Work to complete:
For the material below, output exactly the span from the line with "#68=IFCMATERIAL('Concrete C40/50',$,'concrete');" to the line with "END-ISO-10303-21;", including both, and nothing besides.

Records shown:

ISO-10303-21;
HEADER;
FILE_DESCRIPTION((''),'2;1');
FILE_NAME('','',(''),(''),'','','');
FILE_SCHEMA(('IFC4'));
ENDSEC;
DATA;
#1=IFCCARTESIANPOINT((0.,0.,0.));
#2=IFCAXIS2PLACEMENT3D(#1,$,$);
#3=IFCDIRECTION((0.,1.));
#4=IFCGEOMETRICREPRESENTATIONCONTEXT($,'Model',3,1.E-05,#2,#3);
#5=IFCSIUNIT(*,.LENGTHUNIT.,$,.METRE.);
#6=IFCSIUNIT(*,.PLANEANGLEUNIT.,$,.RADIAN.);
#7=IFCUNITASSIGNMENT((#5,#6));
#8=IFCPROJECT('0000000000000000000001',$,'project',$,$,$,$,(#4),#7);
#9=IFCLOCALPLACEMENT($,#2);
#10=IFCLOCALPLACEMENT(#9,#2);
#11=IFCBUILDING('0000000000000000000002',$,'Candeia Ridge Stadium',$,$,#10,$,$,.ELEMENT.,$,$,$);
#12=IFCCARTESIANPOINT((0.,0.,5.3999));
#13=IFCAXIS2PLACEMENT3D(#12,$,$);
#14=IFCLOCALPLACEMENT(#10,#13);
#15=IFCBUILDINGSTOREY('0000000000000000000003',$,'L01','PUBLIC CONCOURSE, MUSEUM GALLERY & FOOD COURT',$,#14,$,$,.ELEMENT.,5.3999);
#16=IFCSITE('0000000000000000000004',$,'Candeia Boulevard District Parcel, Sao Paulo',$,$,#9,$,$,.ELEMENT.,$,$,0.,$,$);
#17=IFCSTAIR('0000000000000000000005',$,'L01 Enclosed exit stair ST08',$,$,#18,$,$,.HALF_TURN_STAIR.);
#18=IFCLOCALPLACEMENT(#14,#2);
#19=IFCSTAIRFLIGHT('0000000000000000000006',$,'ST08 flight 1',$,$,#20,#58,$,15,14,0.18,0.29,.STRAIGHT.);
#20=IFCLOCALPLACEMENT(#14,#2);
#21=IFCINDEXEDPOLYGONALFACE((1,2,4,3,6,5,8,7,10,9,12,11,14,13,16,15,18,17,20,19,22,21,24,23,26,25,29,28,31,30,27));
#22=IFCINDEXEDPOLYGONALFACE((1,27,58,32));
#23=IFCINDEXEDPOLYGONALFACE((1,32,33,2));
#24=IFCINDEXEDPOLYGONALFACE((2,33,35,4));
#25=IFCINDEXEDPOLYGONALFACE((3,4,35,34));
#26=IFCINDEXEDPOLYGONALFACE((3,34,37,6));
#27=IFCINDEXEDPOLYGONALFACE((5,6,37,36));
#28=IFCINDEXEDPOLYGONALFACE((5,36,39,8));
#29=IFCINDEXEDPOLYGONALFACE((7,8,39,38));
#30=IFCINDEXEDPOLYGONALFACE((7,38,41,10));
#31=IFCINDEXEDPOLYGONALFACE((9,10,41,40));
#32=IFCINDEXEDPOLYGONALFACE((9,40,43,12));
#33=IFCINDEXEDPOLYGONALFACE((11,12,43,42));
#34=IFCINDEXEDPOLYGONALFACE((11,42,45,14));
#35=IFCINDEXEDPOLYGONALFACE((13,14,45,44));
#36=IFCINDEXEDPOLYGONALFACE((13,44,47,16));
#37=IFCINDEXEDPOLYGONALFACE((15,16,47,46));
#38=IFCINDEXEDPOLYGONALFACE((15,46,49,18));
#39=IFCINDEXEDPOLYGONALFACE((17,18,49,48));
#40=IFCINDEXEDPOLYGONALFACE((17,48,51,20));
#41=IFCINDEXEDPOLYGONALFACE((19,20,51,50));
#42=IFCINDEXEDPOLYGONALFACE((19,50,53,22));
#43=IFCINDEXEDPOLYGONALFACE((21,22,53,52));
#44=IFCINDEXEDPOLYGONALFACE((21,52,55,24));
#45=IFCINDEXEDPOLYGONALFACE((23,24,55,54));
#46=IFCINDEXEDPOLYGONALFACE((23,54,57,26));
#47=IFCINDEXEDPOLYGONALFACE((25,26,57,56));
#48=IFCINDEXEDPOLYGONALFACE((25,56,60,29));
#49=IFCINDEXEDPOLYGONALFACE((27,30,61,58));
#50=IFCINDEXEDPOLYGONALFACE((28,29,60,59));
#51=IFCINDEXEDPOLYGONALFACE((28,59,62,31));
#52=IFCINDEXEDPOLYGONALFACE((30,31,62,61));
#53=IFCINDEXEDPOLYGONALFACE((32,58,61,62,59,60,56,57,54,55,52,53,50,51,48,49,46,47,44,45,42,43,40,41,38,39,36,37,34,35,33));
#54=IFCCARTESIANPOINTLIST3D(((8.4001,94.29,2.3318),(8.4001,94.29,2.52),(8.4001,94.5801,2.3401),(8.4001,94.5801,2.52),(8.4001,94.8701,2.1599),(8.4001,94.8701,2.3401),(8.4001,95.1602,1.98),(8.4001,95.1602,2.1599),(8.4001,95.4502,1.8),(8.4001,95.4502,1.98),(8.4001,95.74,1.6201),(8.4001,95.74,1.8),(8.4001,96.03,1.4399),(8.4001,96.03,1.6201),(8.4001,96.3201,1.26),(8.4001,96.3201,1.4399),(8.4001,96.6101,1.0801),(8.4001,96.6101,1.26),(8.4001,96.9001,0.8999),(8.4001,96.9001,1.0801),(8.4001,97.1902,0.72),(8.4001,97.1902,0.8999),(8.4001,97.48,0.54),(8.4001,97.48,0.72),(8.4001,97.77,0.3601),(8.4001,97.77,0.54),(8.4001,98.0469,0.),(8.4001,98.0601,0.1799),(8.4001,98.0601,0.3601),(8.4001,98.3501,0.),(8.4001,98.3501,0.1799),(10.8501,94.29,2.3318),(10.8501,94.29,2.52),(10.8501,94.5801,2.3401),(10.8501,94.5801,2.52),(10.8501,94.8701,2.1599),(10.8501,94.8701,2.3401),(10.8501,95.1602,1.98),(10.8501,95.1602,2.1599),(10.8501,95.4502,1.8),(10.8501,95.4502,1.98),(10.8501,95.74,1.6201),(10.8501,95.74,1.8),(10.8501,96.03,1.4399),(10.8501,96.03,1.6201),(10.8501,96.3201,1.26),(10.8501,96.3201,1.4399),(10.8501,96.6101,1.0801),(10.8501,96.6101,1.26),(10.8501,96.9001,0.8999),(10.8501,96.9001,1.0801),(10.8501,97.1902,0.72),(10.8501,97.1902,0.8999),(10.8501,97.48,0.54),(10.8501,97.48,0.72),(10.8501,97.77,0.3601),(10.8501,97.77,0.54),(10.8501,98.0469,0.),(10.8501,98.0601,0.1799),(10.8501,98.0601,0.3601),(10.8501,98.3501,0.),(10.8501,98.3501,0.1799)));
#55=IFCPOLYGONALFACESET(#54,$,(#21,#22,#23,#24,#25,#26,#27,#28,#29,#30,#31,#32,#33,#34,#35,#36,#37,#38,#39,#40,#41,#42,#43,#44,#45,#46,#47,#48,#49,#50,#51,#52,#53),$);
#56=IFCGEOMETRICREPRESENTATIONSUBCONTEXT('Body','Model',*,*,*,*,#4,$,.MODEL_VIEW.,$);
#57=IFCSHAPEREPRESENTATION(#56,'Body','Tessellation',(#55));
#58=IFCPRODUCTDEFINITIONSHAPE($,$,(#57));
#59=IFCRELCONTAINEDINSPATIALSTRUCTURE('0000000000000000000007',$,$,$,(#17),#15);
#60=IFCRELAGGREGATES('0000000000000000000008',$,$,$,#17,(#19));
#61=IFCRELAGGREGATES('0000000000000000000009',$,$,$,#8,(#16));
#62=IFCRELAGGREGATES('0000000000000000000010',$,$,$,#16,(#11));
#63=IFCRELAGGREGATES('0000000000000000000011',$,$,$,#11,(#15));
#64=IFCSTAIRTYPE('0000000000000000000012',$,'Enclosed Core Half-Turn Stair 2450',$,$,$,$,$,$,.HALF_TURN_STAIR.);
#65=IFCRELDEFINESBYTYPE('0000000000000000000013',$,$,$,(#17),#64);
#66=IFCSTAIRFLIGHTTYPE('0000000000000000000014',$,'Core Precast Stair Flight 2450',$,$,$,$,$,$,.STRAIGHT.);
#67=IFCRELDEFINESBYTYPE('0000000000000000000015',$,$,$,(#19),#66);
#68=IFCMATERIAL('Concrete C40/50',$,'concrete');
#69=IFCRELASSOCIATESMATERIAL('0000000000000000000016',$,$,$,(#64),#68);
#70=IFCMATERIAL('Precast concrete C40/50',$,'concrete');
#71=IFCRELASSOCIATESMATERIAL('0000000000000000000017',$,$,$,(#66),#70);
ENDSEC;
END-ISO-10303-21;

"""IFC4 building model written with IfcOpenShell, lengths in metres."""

from ifc_helpers import new_model, si_unit, direction, frame, origin, place, context, subcontext, project, spatial, polyline, outline, extrude, material, type_object, element, aggregate, save


model = new_model("IFC4")

# Units and contexts
model_context = context("Model", 3, precision=1e-05, world=origin(), true_north=direction((0.0, 1.0)))
body_context = subcontext(model_context, "Body", "Model", "MODEL_VIEW")
ifc_project = project(units=[si_unit("LENGTHUNIT", "METRE"), si_unit("PLANEANGLEUNIT", "RADIAN")], contexts=[model_context])

# Site, building, storey
site_placement = place(None, origin())
site = spatial("IfcSite", under=ifc_project, at=site_placement, Name="Candeia Boulevard District Parcel, Sao Paulo", CompositionType="ELEMENT", RefElevation=0.0)
building_placement = place(site_placement, origin())
building = spatial("IfcBuilding", under=site, at=building_placement, Name="Candeia Ridge Stadium", CompositionType="ELEMENT")
storey_placement = place(building_placement, frame((0.0, 0.0, 5.3999)))
storey = spatial("IfcBuildingStorey", under=building, at=storey_placement, Name="L01", Description="PUBLIC CONCOURSE, MUSEUM GALLERY & FOOD COURT", CompositionType="ELEMENT", Elevation=5.3999)

# Shared definitions
ifc_material_1 = material(Name="Concrete C40/50", Category="concrete")

# Stair, stair flight
stair_type = type_object("IfcStairType", Name="Enclosed Core Half-Turn Stair 2450", PredefinedType="HALF_TURN_STAIR", material=ifc_material_1)
ifc_material_2 = material(Name="Precast concrete C40/50", Category="concrete")
stair_flight_type = type_object("IfcStairFlightType", Name="Core Precast Stair Flight 2450", PredefinedType="STRAIGHT", material=ifc_material_2)
stair_1_placement = place(storey_placement, origin())
stair_1 = element("IfcStair", 1, at=stair_1_placement, inside=storey, type_object=stair_type, Name="L01 Enclosed exit stair ST08", PredefinedType="HALF_TURN_STAIR")
stair_flight_1_placement = place(storey_placement, frame((9.625, 98.3501, 0.0), z_axis=(0.0, 0.0, 1.0), x_axis=(0.0, -1.0, 0.0)))
stair_flight_1 = element("IfcStairFlight", 2, at=stair_flight_1_placement, type_object=stair_flight_type, Name="ST08 flight 1", NumberOfRisers=15, NumberOfTreads=14, PredefinedType="STRAIGHT", RiserHeight=0.18, TreadLength=0.29, context=body_context, shape_type="SweptSolid", body=[
    extrude(outline(polyline([(0.0, 0.0), (0.0, 0.1799), (0.29, 0.1799), (0.29, 0.3601), (0.5801, 0.3601), (0.5801, 0.54), (0.8701, 0.54), (0.8701, 0.72), (1.1599, 0.72), (1.1599, 0.8999), (1.45, 0.8999), (1.45, 1.0801), (1.74, 1.0801), (1.74, 1.26), (2.03, 1.26), (2.03, 1.4399), (2.3201, 1.4399), (2.3201, 1.6201), (2.6101, 1.6201), (2.6101, 1.8), (2.8999, 1.8), (2.8999, 1.98), (3.1899, 1.98), (3.1899, 2.1599), (3.48, 2.1599), (3.48, 2.3401), (3.77, 2.3401), (3.77, 2.52), (4.0601, 2.52), (4.0601, 2.7), (4.0601, 2.3318), (0.3032, 0.0), (0.0, 0.0)])), frame((0.0, 1.2251, 0.0), z_axis=(0.0, -1.0, 0.0), x_axis=(1.0, 0.0, 0.0)), (0.0, 0.0, 1.0), 2.45),
])
aggregate(stair_1, [stair_flight_1])

save(model, "model.ifc")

Answer for this exercise:
#68=IFCMATERIAL('Concrete C40/50',$,'concrete');
#69=IFCRELASSOCIATESMATERIAL('0000000000000000000016',$,$,$,(#64),#68);
#70=IFCMATERIAL('Precast concrete C40/50',$,'concrete');
#71=IFCRELASSOCIATESMATERIAL('0000000000000000000017',$,$,$,(#66),#70);
ENDSEC;
END-ISO-10303-21;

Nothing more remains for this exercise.